**Records to process**
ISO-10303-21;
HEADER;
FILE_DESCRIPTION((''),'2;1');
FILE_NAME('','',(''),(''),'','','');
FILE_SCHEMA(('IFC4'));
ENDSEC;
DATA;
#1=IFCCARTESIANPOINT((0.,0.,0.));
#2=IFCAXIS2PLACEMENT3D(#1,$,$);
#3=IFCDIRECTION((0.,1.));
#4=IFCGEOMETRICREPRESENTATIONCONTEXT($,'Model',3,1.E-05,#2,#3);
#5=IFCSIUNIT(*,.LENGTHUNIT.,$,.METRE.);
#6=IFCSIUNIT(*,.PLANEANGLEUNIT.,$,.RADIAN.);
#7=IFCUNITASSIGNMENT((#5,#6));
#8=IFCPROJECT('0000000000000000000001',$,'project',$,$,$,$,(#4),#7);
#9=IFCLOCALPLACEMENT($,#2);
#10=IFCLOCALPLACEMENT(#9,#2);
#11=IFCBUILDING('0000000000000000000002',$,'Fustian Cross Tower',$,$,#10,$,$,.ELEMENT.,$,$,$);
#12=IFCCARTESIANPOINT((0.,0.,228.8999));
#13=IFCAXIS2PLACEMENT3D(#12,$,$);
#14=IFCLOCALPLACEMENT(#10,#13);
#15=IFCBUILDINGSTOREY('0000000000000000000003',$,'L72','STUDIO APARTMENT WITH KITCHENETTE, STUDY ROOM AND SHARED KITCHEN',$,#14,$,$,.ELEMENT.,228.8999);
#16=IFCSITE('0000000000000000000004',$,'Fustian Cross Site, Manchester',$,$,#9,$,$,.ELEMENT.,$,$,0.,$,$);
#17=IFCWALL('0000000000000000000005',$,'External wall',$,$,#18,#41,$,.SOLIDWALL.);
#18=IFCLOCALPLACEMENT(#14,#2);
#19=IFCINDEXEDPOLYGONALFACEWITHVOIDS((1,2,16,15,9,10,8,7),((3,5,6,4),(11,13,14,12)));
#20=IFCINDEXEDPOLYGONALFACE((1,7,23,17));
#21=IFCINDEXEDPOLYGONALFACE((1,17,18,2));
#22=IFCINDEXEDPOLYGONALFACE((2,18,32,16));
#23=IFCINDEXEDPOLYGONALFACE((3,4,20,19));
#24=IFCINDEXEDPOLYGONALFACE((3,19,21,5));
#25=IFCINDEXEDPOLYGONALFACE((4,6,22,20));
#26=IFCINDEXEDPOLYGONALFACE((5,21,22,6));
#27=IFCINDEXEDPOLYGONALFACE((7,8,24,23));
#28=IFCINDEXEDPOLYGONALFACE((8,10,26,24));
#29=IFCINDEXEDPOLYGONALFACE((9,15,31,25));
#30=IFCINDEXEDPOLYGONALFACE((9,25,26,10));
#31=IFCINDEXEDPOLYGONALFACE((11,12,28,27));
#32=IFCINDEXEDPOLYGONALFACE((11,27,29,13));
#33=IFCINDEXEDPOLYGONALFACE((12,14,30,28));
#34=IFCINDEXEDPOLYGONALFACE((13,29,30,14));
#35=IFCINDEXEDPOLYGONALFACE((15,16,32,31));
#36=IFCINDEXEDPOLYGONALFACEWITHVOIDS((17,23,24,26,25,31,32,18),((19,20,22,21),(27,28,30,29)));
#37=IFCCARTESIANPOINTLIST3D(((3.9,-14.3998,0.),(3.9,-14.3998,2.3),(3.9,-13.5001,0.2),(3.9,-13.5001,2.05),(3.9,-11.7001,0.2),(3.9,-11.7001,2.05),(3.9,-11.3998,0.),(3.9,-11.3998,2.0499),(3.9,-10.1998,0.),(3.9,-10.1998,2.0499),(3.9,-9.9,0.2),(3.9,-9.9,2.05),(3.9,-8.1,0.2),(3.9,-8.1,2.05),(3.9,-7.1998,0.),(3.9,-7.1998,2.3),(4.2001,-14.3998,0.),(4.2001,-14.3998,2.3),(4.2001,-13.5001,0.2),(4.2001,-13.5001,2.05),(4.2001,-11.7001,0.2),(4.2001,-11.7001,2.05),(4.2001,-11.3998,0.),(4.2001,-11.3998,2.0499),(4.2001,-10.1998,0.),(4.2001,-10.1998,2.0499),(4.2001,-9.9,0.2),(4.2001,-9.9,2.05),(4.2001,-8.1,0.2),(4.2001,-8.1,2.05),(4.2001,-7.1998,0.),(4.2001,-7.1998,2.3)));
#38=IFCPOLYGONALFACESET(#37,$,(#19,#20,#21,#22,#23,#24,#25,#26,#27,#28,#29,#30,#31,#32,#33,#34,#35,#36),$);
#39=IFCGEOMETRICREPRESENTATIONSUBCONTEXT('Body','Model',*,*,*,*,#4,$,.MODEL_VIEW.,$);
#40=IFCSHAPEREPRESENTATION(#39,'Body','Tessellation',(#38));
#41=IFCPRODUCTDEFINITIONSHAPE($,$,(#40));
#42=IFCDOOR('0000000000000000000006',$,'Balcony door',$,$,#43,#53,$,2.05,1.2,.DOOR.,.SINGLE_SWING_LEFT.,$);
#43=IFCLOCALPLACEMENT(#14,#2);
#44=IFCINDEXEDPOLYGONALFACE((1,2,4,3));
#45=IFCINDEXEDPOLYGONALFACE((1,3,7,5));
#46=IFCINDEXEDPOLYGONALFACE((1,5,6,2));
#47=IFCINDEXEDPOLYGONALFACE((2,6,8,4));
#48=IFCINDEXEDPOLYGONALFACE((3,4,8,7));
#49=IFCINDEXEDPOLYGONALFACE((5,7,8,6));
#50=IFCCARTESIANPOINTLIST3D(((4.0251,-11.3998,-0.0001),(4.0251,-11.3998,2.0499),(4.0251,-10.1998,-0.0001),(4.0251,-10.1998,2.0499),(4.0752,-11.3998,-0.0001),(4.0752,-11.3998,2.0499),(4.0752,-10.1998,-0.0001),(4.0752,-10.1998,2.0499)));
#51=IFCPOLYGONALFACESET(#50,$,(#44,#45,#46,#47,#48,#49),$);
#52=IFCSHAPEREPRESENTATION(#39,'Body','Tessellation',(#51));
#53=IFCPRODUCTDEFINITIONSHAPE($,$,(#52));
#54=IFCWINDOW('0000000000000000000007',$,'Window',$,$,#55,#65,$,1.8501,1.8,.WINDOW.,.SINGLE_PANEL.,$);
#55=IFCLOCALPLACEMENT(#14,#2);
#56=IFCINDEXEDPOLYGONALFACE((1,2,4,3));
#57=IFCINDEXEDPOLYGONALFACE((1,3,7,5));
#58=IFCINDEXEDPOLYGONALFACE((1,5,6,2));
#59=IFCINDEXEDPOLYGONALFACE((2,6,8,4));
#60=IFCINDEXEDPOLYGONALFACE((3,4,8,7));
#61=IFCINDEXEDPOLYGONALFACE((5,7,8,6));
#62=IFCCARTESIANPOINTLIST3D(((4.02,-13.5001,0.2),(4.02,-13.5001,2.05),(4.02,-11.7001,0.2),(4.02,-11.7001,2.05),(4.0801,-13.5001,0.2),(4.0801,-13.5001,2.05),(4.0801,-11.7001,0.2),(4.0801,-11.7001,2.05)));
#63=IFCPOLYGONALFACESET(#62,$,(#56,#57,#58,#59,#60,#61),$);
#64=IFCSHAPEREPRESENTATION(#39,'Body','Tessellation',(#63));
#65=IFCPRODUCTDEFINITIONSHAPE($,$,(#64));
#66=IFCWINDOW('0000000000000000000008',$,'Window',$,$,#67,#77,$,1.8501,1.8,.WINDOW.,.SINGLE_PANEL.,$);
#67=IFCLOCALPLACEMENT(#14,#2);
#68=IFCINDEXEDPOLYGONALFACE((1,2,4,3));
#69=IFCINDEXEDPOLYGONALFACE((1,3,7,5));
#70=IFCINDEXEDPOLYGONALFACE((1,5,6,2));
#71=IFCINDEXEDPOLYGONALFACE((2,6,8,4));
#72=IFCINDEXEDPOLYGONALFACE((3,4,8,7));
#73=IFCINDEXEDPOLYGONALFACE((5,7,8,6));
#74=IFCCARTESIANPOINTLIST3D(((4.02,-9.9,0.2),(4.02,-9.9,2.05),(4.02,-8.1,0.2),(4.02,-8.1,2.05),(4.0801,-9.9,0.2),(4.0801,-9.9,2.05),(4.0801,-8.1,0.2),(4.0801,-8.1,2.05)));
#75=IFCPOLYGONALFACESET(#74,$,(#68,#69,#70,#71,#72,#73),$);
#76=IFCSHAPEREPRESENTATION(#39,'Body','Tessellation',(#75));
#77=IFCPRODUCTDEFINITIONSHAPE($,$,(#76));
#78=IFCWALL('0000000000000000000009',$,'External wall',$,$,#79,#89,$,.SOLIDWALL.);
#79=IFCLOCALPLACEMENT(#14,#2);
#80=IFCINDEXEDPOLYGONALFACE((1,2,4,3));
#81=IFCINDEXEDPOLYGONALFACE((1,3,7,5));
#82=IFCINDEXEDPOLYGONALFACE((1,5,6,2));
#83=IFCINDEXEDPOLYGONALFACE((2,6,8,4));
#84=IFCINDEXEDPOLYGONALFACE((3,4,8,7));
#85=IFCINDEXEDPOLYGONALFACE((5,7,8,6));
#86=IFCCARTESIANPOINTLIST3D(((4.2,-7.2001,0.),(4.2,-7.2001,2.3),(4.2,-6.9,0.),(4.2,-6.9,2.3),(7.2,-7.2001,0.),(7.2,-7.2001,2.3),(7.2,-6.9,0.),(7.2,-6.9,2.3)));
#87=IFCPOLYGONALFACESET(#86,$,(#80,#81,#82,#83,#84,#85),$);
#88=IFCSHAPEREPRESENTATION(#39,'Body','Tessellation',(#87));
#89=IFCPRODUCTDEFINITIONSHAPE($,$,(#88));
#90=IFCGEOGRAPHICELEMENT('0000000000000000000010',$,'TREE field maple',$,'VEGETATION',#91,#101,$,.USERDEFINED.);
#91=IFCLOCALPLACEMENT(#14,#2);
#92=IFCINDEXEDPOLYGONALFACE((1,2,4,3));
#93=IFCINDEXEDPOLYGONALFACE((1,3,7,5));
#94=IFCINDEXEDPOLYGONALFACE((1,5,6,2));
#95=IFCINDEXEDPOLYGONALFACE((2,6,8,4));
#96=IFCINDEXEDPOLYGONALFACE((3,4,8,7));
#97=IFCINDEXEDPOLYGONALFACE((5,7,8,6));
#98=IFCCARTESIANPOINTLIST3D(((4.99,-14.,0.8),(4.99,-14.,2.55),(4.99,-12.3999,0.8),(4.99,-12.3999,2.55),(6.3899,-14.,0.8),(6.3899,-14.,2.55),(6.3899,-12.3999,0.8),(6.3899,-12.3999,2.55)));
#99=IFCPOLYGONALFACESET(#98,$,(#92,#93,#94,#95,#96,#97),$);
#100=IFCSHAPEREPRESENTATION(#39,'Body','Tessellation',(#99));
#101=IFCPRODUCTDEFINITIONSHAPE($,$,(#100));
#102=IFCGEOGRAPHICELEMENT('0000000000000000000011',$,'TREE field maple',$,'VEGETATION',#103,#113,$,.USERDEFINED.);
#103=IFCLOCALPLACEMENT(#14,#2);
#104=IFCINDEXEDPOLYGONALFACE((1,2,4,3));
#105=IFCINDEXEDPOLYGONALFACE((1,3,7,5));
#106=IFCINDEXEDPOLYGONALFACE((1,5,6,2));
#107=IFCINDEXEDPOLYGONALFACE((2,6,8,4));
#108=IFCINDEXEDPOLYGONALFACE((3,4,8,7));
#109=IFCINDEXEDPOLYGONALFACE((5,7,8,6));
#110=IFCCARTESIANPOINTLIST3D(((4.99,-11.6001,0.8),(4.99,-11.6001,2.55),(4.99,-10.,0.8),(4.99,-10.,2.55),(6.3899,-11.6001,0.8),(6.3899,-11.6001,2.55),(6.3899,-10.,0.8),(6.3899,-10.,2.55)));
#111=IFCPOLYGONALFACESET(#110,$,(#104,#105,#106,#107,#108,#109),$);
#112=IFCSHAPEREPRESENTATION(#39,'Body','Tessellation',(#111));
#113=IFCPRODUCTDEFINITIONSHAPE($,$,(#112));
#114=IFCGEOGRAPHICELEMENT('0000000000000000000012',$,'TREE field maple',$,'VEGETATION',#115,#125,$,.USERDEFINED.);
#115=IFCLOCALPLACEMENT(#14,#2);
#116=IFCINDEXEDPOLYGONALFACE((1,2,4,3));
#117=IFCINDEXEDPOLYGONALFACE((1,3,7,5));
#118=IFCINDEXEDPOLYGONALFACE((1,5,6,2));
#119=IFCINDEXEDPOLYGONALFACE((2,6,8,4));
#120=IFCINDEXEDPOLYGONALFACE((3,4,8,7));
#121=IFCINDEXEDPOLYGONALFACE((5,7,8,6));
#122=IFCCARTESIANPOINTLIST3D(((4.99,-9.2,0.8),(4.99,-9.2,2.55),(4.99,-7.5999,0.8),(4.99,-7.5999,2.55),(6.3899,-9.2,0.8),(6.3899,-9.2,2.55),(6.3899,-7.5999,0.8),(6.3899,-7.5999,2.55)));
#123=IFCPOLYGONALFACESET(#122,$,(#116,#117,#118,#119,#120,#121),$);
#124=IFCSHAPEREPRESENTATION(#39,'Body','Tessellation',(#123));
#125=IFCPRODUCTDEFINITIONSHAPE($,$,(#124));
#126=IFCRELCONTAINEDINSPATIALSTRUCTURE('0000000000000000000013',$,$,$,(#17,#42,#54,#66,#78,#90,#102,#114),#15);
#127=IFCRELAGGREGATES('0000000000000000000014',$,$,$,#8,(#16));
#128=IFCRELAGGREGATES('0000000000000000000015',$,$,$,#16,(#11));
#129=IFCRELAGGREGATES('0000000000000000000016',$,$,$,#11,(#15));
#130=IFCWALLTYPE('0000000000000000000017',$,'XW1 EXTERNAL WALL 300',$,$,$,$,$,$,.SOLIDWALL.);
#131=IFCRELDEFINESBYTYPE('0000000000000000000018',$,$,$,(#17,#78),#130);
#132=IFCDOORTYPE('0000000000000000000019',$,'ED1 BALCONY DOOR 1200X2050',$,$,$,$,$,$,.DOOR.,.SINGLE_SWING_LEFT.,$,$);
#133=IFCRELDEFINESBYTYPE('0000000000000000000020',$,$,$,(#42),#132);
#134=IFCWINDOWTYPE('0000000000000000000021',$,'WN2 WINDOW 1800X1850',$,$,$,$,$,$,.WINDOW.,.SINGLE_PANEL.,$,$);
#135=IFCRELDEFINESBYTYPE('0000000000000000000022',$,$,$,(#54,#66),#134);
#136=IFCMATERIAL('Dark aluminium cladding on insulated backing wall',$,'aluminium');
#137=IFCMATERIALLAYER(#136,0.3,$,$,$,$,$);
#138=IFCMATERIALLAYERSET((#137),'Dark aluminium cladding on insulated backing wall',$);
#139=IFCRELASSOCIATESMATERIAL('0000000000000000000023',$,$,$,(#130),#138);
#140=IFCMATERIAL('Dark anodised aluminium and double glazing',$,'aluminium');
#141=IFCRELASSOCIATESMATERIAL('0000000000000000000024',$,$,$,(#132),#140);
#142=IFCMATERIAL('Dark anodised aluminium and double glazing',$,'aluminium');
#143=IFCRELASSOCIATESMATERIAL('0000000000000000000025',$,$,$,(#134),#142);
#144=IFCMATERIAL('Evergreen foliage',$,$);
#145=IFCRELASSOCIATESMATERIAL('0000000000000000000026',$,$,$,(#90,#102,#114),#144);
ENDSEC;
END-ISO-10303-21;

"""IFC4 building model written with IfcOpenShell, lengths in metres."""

from ifc_helpers import new_model, si_unit, direction, frame, frame_2d, origin, origin_2d, place, context, subcontext, project, spatial, rectangle, extrude, material, layer, layer_set, type_object, element, fill, save


model = new_model("IFC4")

# Units and contexts
model_context = context("Model", 3, precision=1e-05, world=origin(), true_north=direction((0.0, 1.0)))
body_context = subcontext(model_context, "Body", "Model", "MODEL_VIEW")
ifc_project = project(units=[si_unit("LENGTHUNIT", "METRE"), si_unit("PLANEANGLEUNIT", "RADIAN")], contexts=[model_context])

# Site, building, storey
site_placement = place(None, origin())
site = spatial("IfcSite", under=ifc_project, at=site_placement, Name="Fustian Cross Site, Manchester", CompositionType="ELEMENT", RefElevation=0.0)
building_placement = place(site_placement, origin())
building = spatial("IfcBuilding", under=site, at=building_placement, Name="Fustian Cross Tower", CompositionType="ELEMENT")
storey_placement = place(building_placement, frame((0.0, 0.0, 228.8999)))
storey = spatial("IfcBuildingStorey", under=building, at=storey_placement, Name="L72", Description="STUDIO APARTMENT WITH KITCHENETTE, STUDY ROOM AND SHARED KITCHEN", CompositionType="ELEMENT", Elevation=228.8999)

# Shared definitions
ifc_material_1 = material(Name="Dark aluminium cladding on insulated backing wall", Category="aluminium")
ifc_layer_1 = layer(ifc_material_1, 0.3)
ifc_layer_set_1 = layer_set([ifc_layer_1], Name="Dark aluminium cladding on insulated backing wall")
wall_type_1 = type_object("IfcWallType", Name="XW1 EXTERNAL WALL 300", PredefinedType="SOLIDWALL", material=ifc_layer_set_1)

**What this task involves**
Take every line from the data that contains the word "IFCGEOGRAPHICELEMENT".

**Solution below**
#90=IFCGEOGRAPHICELEMENT('0000000000000000000010',$,'TREE field maple',$,'VEGETATION',#91,#101,$,.USERDEFINED.);
#102=IFCGEOGRAPHICELEMENT('0000000000000000000011',$,'TREE field maple',$,'VEGETATION',#103,#113,$,.USERDEFINED.);
#114=IFCGEOGRAPHICELEMENT('0000000000000000000012',$,'TREE field maple',$,'VEGETATION',#115,#125,$,.USERDEFINED.);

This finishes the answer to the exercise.